◆ Task objective ◆
For the entries below, repeat exactly each line starting with the one that contains "#52=IFCINDEXEDPOLYGONALFACE((3,4,8,7));" and going on through the one that contains "#61=IFCINDEXEDPOLYGONALFACE((1,3,7,5));", and no others.

START Exercise inputs

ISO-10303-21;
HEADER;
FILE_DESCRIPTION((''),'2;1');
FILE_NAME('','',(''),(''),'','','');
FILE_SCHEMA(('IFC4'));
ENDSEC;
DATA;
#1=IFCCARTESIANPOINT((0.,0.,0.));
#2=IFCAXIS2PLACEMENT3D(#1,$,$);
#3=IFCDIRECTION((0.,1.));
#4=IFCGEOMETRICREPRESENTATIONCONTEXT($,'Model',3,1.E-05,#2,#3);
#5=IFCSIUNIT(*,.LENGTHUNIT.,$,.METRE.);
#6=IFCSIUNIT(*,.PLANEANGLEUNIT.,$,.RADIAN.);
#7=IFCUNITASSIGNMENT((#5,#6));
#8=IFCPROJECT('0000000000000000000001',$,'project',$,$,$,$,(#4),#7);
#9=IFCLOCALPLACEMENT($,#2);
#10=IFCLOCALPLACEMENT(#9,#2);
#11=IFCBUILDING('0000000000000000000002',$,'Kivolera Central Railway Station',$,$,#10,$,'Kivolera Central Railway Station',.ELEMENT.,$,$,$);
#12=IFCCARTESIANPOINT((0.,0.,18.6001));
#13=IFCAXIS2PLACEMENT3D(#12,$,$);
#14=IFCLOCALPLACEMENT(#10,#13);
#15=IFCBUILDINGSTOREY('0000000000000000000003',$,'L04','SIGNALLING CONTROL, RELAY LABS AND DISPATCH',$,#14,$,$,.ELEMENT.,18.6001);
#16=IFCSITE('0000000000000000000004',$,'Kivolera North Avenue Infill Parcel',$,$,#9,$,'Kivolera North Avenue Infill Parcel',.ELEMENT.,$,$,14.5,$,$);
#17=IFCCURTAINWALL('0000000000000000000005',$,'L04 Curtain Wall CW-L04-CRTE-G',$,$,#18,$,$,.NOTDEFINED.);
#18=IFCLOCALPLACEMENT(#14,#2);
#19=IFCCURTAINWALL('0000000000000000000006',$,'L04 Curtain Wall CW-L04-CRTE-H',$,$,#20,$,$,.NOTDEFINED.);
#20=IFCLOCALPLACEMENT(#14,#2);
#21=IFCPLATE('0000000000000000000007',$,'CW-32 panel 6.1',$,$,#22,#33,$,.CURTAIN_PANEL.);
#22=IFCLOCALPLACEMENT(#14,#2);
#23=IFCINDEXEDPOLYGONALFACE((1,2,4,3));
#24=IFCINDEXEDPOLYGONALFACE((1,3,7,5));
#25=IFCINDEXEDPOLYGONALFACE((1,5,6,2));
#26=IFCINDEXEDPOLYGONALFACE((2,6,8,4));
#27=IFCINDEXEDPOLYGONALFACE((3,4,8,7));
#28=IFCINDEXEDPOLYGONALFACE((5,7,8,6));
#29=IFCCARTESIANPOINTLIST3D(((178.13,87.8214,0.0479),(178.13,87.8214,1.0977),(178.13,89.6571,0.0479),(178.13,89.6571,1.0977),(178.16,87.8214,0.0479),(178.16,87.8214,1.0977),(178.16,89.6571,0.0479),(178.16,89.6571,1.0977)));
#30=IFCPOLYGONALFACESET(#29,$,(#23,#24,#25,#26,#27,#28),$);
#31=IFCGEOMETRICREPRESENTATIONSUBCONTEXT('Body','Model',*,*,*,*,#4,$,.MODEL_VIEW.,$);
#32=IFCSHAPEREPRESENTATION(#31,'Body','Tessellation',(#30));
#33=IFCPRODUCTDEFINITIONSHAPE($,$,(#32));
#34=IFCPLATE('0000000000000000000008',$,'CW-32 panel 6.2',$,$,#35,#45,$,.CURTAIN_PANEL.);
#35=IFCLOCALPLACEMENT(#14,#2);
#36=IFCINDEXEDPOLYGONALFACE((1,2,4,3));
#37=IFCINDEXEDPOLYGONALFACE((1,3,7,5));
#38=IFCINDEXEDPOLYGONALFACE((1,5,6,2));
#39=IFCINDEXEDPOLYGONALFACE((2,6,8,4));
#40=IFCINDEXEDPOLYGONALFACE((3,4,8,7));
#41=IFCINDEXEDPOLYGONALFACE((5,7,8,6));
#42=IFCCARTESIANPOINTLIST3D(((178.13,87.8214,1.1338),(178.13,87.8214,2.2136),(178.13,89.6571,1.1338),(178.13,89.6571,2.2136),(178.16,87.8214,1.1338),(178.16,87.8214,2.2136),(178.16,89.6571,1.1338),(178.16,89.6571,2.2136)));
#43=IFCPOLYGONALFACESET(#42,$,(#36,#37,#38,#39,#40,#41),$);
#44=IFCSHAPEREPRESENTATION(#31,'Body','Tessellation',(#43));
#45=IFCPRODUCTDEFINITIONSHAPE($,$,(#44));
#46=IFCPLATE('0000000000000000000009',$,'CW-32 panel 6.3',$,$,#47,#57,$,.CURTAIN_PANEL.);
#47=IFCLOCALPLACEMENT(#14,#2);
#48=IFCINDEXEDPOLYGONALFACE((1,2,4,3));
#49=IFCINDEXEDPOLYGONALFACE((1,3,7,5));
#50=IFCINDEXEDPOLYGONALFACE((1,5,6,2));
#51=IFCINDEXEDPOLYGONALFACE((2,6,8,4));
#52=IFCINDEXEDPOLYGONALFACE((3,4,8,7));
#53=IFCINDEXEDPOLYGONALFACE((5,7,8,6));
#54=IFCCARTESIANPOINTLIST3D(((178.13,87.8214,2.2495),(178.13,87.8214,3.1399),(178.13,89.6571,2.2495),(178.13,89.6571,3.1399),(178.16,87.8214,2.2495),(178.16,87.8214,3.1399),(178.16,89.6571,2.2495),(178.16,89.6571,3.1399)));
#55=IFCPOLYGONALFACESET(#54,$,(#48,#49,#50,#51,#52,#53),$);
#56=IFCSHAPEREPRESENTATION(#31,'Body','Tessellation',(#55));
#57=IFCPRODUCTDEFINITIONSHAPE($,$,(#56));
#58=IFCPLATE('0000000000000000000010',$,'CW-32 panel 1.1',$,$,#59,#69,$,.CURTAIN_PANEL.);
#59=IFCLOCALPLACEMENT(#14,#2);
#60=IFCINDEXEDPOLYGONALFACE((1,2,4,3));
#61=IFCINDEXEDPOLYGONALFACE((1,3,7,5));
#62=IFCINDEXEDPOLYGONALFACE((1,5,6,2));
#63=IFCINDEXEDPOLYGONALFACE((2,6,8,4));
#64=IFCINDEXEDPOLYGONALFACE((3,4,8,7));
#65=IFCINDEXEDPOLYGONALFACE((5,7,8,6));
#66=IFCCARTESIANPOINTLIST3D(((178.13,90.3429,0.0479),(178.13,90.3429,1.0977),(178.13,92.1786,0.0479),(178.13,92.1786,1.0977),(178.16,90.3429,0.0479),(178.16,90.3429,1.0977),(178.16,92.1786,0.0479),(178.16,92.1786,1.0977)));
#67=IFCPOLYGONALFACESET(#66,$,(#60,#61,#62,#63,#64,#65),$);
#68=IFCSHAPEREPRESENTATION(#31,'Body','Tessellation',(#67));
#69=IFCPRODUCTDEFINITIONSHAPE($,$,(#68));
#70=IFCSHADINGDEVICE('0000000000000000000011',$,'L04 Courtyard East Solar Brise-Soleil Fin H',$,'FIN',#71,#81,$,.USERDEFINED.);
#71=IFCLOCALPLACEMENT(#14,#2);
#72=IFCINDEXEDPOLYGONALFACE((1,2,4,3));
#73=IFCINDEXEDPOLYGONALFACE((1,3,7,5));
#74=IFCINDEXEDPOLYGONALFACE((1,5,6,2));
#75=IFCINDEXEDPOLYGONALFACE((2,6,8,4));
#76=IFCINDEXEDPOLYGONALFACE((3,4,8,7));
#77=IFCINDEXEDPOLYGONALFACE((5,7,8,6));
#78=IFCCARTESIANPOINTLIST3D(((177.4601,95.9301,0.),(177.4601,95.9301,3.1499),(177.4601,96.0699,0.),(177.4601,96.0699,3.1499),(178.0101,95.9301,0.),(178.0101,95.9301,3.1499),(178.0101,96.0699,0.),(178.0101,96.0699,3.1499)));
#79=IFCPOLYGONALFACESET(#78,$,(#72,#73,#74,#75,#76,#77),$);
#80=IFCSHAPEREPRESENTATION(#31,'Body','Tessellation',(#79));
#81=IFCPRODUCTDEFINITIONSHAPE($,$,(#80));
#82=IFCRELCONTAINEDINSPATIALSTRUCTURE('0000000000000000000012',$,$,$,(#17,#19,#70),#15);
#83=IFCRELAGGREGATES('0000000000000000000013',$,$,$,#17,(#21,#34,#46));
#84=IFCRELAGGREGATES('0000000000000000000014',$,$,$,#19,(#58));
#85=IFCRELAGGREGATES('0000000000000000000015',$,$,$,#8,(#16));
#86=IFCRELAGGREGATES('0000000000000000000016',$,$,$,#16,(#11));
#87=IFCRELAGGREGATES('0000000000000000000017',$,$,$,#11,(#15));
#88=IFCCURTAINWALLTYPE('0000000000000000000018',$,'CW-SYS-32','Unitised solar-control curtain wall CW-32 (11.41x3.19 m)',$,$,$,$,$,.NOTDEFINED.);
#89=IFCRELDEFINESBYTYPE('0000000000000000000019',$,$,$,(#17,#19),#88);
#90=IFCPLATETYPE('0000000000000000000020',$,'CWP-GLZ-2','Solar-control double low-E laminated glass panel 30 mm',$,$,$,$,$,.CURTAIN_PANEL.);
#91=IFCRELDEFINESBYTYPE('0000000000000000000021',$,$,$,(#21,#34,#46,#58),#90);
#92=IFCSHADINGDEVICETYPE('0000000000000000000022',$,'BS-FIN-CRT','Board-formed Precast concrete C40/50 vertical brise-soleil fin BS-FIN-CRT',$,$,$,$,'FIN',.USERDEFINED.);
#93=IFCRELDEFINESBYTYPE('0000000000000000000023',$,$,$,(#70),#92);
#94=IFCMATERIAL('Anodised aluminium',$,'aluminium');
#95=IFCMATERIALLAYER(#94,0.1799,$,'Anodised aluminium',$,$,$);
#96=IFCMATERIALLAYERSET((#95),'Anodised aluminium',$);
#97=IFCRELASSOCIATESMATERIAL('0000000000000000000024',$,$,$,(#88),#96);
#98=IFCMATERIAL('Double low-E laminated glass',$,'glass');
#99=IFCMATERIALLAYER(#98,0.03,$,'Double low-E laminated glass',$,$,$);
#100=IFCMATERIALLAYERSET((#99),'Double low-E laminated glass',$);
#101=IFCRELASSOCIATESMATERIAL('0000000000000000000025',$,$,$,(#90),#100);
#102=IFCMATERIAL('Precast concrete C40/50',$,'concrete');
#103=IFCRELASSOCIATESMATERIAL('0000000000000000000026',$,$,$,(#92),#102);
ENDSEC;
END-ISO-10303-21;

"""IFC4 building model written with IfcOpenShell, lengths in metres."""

from ifc_helpers import new_model, si_unit, direction, frame, origin, origin_2d, place, context, subcontext, project, spatial, rectangle, extrude, material, layer, layer_set, type_object, element, aggregate, save


model = new_model("IFC4")

# Units and contexts
model_context = context("Model", 3, precision=1e-05, world=origin(), true_north=direction((0.0, 1.0)))
body_context = subcontext(model_context, "Body", "Model", "MODEL_VIEW")
ifc_project = project(units=[si_unit("LENGTHUNIT", "METRE"), si_unit("PLANEANGLEUNIT", "RADIAN")], contexts=[model_context])

# Site, building, storey
site_placement = place(None, origin())
site = spatial("IfcSite", under=ifc_project, at=site_placement, Name="Kivolera North Avenue Infill Parcel", LongName="Kivolera North Avenue Infill Parcel", CompositionType="ELEMENT", RefElevation=14.5)
building_placement = place(site_placement, origin())
building = spatial("IfcBuilding", under=site, at=building_placement, Name="Kivolera Central Railway Station", LongName="Kivolera Central Railway Station", CompositionType="ELEMENT")
storey_placement = place(building_placement, frame((0.0, 0.0, 18.6001)))
storey = spatial("IfcBuildingStorey", under=building, at=storey_placement, Name="L04", Description="SIGNALLING CONTROL, RELAY LABS AND DISPATCH", CompositionType="ELEMENT", Elevation=18.6001)

# Curtain wall
ifc_material_1 = material(Name="Anodised aluminium", Category="aluminium")
ifc_layer_1 = layer(ifc_material_1, 0.1799, Name="Anodised aluminium")
ifc_layer_set_1 = layer_set([ifc_layer_1], Name="Anodised aluminium")
curtain_wall_type = type_object("IfcCurtainWallType", Name="CW-SYS-32", Description="Unitised solar-control curtain wall CW-32 (11.41x3.19 m)", PredefinedType="NOTDEFINED", material=ifc_layer_set_1)
curtain_wall_1_placement = place(storey_placement, origin())
curtain_wall_1 = element("IfcCurtainWall", 1, at=curtain_wall_1_placement, inside=storey, type_object=curtain_wall_type, Name="L04 Curtain Wall CW-L04-CRTE-G", PredefinedType="NOTDEFINED")

# Curtain wall
curtain_wall_2_placement = place(storey_placement, origin())
curtain_wall_2 = element("IfcCurtainWall", 2, at=curtain_wall_2_placement, inside=storey, type_object=curtain_wall_type, Name="L04 Curtain Wall CW-L04-CRTE-H", PredefinedType="NOTDEFINED")

# Plates
ifc_material_2 = material(Name="Double low-E laminated glass", Category="glass")
ifc_layer_2 = layer(ifc_material_2, 0.03, Name="Double low-E laminated glass")
ifc_layer_set_2 = layer_set([ifc_layer_2], Name="Double low-E laminated glass")
plate_type = type_object("IfcPlateType", Name="CWP-GLZ-2", Description="Solar-control double low-E laminated glass panel 30 mm", PredefinedType="CURTAIN_PANEL", material=ifc_layer_set_2)
plate_1_placement = place(storey_placement, frame((178.145, 88.7393, 0.0479), z_axis=(0.0, 0.0, 1.0), x_axis=(0.0, 1.0, 0.0)))
plate_1 = element("IfcPlate", 3, at=plate_1_placement, type_object=plate_type, Name="CW-32 panel 6.1", PredefinedType="CURTAIN_PANEL", context=body_context, shape_type="SweptSolid", body=[
    extrude(rectangle(XDim=1.8357, YDim=0.03, at=origin_2d()), origin(), (0.0, 0.0, 1.0), 1.0498),
])
plate_2_placement = place(storey_placement, frame((178.145, 88.7393, 1.1338), z_axis=(0.0, 0.0, 1.0), x_axis=(0.0, 1.0, 0.0)))
plate_2 = element("IfcPlate", 4, at=plate_2_placement, type_object=plate_type, Name="CW-32 panel 6.2", PredefinedType="CURTAIN_PANEL", context=body_context, shape_type="SweptSolid", body=[
    extrude(rectangle(XDim=1.8357, YDim=0.03, at=origin_2d()), origin(), (0.0, 0.0, 1.0), 1.0798),
])
plate_3_placement = place(storey_placement, frame((178.145, 88.7393, 2.2495), z_axis=(0.0, 0.0, 1.0), x_axis=(0.0, 1.0, 0.0)))
plate_3 = element("IfcPlate", 5, at=plate_3_placement, type_object=plate_type, Name="CW-32 panel 6.3", PredefinedType="CURTAIN_PANEL", context=body_context, shape_type="SweptSolid", body=[
    extrude(rectangle(XDim=1.8357, YDim=0.03, at=origin_2d()), origin(), (0.0, 0.0, 1.0), 0.8904),
])
aggregate(curtain_wall_1, [plate_1, plate_2, plate_3])
plate_4_placement = place(storey_placement, frame((178.145, 91.2607, 0.0479), z_axis=(0.0, 0.0, 1.0), x_axis=(0.0, 1.0, 0.0)))
plate_4 = element("IfcPlate", 6, at=plate_4_placement, type_object=plate_type, Name="CW-32 panel 1.1", PredefinedType="CURTAIN_PANEL", context=body_context, shape_type="SweptSolid", body=[
    extrude(rectangle(XDim=1.8357, YDim=0.03, at=origin_2d()), origin(), (0.0, 0.0, 1.0), 1.0498),
])
aggregate(curtain_wall_2, [plate_4])

# Shading device
ifc_material_3 = material(Name="Precast concrete C40/50", Category="concrete")
shading_device_type = type_object("IfcShadingDeviceType", Name="BS-FIN-CRT", Description="Board-formed Precast concrete C40/50 vertical brise-soleil fin BS-FIN-CRT", ElementType="FIN", PredefinedType="USERDEFINED", material=ifc_material_3)
shading_device_placement = place(storey_placement, frame((177.7351, 96.0, 0.0), z_axis=(0.0, 0.0, 1.0), x_axis=(1.0, 0.0, 0.0)))
element("IfcShadingDevice", 7, at=shading_device_placement, inside=storey, type_object=shading_device_type, Name="L04 Courtyard East Solar Brise-Soleil Fin H", ObjectType="FIN", PredefinedType="USERDEFINED", context=body_context, shape_type="SweptSolid", body=[
    extrude(rectangle(XDim=0.55, YDim=0.1399, at=origin_2d()), origin(), (0.0, 0.0, 1.0), 3.1499),
])

save(model, "model.ifc")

END Exercise inputs

◆ Output of the task ◆
#52=IFCINDEXEDPOLYGONALFACE((3,4,8,7));
#53=IFCINDEXEDPOLYGONALFACE((5,7,8,6));
#54=IFCCARTESIANPOINTLIST3D(((178.13,87.8214,2.2495),(178.13,87.8214,3.1399),(178.13,89.6571,2.2495),(178.13,89.6571,3.1399),(178.16,87.8214,2.2495),(178.16,87.8214,3.1399),(178.16,89.6571,2.2495),(178.16,89.6571,3.1399)));
#55=IFCPOLYGONALFACESET(#54,$,(#48,#49,#50,#51,#52,#53),$);
#56=IFCSHAPEREPRESENTATION(#31,'Body','Tessellation',(#55));
#57=IFCPRODUCTDEFINITIONSHAPE($,$,(#56));
#58=IFCPLATE('0000000000000000000010',$,'CW-32 panel 1.1',$,$,#59,#69,$,.CURTAIN_PANEL.);
#59=IFCLOCALPLACEMENT(#14,#2);
#60=IFCINDEXEDPOLYGONALFACE((1,2,4,3));
#61=IFCINDEXEDPOLYGONALFACE((1,3,7,5));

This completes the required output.